[Task description] Search the data for "Body" and copy every matching line.

== Data for analysis ==

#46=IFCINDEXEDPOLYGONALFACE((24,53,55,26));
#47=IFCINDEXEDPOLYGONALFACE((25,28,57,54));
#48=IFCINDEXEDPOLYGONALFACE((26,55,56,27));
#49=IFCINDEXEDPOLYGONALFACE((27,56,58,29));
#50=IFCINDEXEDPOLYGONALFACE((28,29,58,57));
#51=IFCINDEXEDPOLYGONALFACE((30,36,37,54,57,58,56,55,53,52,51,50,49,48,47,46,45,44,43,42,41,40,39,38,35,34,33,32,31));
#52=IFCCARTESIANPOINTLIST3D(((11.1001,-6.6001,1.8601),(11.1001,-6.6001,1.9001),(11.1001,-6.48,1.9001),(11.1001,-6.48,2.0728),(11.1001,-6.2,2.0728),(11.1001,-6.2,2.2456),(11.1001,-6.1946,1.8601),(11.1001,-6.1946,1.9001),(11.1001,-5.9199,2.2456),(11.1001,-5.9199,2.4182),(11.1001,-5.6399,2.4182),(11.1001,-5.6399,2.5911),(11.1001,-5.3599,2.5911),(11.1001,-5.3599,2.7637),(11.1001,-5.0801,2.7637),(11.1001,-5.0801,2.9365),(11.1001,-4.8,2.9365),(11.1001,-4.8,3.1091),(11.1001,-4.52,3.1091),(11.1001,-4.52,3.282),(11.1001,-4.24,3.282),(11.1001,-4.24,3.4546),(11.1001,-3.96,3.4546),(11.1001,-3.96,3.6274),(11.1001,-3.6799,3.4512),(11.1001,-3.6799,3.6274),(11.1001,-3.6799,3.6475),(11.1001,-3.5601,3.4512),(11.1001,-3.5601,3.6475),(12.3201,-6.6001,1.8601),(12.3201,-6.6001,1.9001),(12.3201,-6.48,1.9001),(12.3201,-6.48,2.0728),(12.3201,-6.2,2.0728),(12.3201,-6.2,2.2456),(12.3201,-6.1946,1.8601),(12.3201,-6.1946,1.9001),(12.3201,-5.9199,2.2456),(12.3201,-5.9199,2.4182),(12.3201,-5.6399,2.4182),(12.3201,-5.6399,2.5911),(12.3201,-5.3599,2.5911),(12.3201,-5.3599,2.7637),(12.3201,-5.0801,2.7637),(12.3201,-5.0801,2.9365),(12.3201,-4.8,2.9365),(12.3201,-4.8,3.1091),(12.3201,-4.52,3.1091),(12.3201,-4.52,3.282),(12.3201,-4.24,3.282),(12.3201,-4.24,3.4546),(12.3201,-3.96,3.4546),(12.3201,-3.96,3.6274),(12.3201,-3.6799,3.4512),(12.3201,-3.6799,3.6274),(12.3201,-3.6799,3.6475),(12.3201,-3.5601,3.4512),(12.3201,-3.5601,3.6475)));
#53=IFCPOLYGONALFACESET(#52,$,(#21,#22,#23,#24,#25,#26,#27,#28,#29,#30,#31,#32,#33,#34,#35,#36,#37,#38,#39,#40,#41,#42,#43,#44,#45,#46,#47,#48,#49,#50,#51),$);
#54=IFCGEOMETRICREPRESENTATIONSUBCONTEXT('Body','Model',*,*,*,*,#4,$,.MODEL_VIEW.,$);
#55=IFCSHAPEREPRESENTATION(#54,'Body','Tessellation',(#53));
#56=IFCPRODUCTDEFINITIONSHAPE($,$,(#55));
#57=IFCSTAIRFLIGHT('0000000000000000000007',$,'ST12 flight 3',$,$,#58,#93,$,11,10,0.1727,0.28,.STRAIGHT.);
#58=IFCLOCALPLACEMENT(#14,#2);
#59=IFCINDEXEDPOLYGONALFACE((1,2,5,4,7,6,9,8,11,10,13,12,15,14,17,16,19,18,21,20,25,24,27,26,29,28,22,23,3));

===

[Response]
#54=IFCGEOMETRICREPRESENTATIONSUBCONTEXT('Body','Model',*,*,*,*,#4,$,.MODEL_VIEW.,$);
#55=IFCSHAPEREPRESENTATION(#54,'Body','Tessellation',(#53));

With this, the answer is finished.